(Saved data entries)
---+---
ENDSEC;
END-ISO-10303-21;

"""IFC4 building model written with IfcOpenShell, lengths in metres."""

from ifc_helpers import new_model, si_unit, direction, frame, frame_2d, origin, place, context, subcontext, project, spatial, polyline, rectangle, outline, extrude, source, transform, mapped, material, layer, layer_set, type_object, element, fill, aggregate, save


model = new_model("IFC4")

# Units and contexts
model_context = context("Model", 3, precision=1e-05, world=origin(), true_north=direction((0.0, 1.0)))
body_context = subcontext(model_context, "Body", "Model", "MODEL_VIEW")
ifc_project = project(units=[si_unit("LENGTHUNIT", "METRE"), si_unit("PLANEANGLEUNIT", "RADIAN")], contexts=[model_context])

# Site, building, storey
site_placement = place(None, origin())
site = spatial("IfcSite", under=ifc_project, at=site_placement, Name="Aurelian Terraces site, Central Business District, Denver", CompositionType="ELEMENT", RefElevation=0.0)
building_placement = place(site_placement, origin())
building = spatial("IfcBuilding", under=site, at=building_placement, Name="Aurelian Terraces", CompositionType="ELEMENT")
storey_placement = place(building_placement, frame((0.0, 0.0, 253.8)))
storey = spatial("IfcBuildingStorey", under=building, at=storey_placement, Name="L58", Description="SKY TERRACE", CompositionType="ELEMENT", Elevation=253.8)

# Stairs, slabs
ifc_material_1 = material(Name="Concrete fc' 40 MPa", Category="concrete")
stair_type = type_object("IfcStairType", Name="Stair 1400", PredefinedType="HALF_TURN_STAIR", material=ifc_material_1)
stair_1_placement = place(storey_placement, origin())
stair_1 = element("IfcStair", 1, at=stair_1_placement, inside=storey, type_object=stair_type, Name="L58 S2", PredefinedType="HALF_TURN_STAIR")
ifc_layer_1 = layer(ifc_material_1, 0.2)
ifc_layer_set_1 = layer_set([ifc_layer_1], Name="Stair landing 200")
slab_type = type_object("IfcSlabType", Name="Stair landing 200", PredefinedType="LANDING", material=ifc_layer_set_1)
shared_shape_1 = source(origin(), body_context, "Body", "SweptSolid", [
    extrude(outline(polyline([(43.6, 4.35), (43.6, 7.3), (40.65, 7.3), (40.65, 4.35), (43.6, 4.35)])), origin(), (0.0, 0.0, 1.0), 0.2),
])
---+---
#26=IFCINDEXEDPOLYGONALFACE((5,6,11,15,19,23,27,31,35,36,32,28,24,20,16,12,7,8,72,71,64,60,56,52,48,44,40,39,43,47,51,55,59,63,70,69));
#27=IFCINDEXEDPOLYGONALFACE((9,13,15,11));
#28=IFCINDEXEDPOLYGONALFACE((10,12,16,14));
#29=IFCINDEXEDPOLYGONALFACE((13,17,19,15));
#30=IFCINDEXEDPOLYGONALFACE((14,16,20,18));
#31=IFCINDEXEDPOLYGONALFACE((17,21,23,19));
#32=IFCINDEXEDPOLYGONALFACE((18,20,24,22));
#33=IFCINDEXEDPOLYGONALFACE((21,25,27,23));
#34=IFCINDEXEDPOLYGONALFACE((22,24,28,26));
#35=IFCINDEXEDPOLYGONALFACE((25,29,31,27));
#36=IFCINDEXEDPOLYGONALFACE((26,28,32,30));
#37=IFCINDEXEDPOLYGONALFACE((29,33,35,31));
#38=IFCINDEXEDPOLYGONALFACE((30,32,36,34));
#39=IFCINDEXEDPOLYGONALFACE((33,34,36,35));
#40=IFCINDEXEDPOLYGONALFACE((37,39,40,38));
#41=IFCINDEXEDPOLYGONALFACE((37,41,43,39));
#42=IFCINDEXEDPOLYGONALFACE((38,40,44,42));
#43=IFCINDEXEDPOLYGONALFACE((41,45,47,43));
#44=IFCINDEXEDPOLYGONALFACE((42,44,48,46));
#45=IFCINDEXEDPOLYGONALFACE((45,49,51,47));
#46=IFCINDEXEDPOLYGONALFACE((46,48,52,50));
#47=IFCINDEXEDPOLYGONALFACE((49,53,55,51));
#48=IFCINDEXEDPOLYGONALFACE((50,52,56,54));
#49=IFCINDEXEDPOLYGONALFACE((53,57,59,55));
---+---
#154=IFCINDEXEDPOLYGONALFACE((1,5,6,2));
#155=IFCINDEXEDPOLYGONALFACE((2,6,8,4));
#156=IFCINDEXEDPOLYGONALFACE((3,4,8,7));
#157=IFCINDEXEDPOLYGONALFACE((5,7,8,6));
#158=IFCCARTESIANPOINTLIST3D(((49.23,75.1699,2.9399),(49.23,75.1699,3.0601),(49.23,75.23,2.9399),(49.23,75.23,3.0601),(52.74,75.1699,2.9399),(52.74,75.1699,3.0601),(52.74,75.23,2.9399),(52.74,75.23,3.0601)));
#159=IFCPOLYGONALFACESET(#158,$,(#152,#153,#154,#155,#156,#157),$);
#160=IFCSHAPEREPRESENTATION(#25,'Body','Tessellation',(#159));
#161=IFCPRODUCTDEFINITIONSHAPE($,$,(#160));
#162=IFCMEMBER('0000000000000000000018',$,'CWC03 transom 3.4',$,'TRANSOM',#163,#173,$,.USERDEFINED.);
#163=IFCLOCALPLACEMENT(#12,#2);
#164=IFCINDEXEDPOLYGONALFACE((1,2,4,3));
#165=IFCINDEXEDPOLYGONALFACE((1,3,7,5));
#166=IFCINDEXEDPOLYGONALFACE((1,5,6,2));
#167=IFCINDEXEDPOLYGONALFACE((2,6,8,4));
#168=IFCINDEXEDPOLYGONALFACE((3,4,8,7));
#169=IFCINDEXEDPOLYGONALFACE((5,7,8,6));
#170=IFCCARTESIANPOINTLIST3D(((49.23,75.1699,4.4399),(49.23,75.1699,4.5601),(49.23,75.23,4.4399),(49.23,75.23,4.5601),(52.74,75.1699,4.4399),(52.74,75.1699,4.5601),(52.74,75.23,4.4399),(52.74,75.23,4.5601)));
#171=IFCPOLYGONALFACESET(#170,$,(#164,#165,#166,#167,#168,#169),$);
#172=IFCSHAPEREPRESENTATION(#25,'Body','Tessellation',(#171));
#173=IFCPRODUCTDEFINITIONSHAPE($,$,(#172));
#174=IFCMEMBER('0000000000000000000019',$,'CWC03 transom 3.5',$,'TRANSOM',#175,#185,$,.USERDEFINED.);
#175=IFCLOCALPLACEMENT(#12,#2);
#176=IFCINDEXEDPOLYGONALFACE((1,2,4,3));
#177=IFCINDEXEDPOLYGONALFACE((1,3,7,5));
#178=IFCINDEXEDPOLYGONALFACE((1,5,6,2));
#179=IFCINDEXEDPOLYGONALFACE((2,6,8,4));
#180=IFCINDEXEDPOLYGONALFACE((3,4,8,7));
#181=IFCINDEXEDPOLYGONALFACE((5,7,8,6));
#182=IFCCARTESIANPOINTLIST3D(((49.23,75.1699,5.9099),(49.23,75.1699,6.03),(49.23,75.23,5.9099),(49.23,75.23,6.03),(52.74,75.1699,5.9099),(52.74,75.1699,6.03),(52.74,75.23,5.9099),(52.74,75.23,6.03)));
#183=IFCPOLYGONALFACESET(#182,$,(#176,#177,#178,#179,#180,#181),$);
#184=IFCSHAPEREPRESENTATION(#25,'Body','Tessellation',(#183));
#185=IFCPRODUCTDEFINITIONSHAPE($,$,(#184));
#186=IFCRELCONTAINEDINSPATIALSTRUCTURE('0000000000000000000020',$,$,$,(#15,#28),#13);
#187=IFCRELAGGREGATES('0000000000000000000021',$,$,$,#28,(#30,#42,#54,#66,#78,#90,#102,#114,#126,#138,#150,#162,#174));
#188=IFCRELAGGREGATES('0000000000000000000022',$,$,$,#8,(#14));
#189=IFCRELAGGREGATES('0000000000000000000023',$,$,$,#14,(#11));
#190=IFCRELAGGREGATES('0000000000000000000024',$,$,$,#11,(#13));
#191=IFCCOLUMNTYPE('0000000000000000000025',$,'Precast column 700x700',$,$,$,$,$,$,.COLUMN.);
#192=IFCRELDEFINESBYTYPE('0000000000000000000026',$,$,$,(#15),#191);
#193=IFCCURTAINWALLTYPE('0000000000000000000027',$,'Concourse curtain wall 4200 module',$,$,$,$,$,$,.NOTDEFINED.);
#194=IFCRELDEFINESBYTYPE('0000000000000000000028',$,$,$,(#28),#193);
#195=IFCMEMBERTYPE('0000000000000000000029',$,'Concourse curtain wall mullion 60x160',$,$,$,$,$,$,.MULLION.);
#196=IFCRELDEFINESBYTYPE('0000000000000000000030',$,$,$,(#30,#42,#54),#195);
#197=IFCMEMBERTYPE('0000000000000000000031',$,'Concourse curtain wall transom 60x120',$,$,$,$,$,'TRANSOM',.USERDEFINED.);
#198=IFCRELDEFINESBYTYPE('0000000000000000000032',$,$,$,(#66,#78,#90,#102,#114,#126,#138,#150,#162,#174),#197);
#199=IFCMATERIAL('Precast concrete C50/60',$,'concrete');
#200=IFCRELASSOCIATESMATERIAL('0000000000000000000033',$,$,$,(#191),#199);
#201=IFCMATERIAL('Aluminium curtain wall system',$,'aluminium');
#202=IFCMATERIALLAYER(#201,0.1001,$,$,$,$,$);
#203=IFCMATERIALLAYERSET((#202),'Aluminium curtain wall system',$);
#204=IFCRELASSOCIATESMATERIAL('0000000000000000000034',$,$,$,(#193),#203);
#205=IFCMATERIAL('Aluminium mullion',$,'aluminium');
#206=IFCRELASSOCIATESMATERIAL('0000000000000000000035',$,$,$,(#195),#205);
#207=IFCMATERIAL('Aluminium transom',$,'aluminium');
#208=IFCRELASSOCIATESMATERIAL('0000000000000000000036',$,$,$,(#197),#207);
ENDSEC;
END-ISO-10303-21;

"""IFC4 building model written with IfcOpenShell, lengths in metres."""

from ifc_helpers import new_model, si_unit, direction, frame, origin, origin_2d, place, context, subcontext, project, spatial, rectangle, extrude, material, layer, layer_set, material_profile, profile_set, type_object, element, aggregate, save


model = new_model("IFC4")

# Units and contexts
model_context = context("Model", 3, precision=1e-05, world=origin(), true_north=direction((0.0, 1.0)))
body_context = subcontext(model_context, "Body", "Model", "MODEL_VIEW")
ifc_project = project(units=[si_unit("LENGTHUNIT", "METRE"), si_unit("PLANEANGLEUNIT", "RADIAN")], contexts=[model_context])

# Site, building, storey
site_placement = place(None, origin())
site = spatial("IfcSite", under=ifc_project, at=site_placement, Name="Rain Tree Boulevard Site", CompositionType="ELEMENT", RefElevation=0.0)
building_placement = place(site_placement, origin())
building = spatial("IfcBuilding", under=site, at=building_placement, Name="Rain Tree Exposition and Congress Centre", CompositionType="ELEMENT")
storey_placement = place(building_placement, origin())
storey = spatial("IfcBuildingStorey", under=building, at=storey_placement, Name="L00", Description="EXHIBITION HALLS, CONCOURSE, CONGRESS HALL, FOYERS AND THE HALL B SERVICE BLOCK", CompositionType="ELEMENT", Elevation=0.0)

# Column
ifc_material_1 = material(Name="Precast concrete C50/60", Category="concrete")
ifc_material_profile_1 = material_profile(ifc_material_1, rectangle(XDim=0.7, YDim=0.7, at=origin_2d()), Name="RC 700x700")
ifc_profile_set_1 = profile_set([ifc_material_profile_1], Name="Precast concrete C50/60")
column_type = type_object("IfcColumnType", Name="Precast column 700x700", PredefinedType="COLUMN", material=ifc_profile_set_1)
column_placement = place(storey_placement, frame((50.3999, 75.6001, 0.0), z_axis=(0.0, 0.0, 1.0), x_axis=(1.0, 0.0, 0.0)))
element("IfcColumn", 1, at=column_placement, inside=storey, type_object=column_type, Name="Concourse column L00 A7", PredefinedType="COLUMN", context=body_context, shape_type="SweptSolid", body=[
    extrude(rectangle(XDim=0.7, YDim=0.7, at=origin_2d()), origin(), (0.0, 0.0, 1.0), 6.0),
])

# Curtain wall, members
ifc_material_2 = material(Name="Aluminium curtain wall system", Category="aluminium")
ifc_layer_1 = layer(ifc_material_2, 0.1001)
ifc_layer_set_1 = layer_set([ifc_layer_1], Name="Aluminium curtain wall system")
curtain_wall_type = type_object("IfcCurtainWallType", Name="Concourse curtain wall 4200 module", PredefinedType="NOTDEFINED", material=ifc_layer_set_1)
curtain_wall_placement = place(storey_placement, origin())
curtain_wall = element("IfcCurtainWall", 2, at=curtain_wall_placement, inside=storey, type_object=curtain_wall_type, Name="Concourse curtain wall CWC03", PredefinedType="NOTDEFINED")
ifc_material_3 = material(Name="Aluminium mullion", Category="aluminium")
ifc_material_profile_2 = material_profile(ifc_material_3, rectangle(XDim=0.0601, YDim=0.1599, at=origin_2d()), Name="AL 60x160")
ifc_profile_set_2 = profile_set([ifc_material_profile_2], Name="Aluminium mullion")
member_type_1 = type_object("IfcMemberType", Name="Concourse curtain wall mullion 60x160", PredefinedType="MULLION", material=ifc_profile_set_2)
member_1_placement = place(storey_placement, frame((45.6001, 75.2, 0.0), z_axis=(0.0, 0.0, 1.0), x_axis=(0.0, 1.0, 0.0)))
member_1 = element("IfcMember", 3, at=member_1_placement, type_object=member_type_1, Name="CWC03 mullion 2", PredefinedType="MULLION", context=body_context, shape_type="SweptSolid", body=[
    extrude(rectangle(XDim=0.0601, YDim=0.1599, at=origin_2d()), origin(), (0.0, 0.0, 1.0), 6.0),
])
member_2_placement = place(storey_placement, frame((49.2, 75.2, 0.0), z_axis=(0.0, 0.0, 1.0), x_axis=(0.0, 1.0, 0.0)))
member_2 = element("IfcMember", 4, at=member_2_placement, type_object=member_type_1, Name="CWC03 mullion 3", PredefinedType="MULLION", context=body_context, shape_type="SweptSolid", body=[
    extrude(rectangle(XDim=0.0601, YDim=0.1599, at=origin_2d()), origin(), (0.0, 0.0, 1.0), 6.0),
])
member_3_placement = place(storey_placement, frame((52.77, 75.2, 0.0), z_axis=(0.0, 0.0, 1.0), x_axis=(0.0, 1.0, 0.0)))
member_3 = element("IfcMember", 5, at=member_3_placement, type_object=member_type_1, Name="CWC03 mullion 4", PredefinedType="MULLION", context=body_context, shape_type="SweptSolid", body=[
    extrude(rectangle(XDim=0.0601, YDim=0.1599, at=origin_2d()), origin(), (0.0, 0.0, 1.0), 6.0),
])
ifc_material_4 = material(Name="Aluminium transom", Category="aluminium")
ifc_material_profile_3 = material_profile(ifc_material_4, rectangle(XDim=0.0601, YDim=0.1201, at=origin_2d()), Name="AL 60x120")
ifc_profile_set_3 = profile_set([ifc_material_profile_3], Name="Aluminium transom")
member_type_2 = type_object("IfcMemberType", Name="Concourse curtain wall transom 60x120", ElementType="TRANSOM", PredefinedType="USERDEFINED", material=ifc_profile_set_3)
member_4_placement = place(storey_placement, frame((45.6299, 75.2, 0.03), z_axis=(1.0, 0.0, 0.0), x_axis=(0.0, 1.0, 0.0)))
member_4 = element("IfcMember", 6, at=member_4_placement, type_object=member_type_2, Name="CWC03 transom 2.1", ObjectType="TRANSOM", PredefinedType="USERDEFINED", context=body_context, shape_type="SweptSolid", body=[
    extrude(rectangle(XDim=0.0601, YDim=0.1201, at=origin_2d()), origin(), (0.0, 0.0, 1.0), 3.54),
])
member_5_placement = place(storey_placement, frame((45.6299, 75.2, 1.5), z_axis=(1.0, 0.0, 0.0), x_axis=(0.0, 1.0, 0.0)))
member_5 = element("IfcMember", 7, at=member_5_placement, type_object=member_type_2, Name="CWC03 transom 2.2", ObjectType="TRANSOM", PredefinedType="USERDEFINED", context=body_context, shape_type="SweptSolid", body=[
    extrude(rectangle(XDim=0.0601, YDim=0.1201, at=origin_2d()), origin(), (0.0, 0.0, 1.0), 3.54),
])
---+---
Exercise
In the entries above, restate word for word the lines between the one holding "#45=IFCINDEXEDPOLYGONALFACE((45,49,51,47));" and the one holding "#49=IFCINDEXEDPOLYGONALFACE((53,57,59,55));", inclusive, and nothing besides.

Solution to this task
#45=IFCINDEXEDPOLYGONALFACE((45,49,51,47));
#46=IFCINDEXEDPOLYGONALFACE((46,48,52,50));
#47=IFCINDEXEDPOLYGONALFACE((49,53,55,51));
#48=IFCINDEXEDPOLYGONALFACE((50,52,56,54));
#49=IFCINDEXEDPOLYGONALFACE((53,57,59,55));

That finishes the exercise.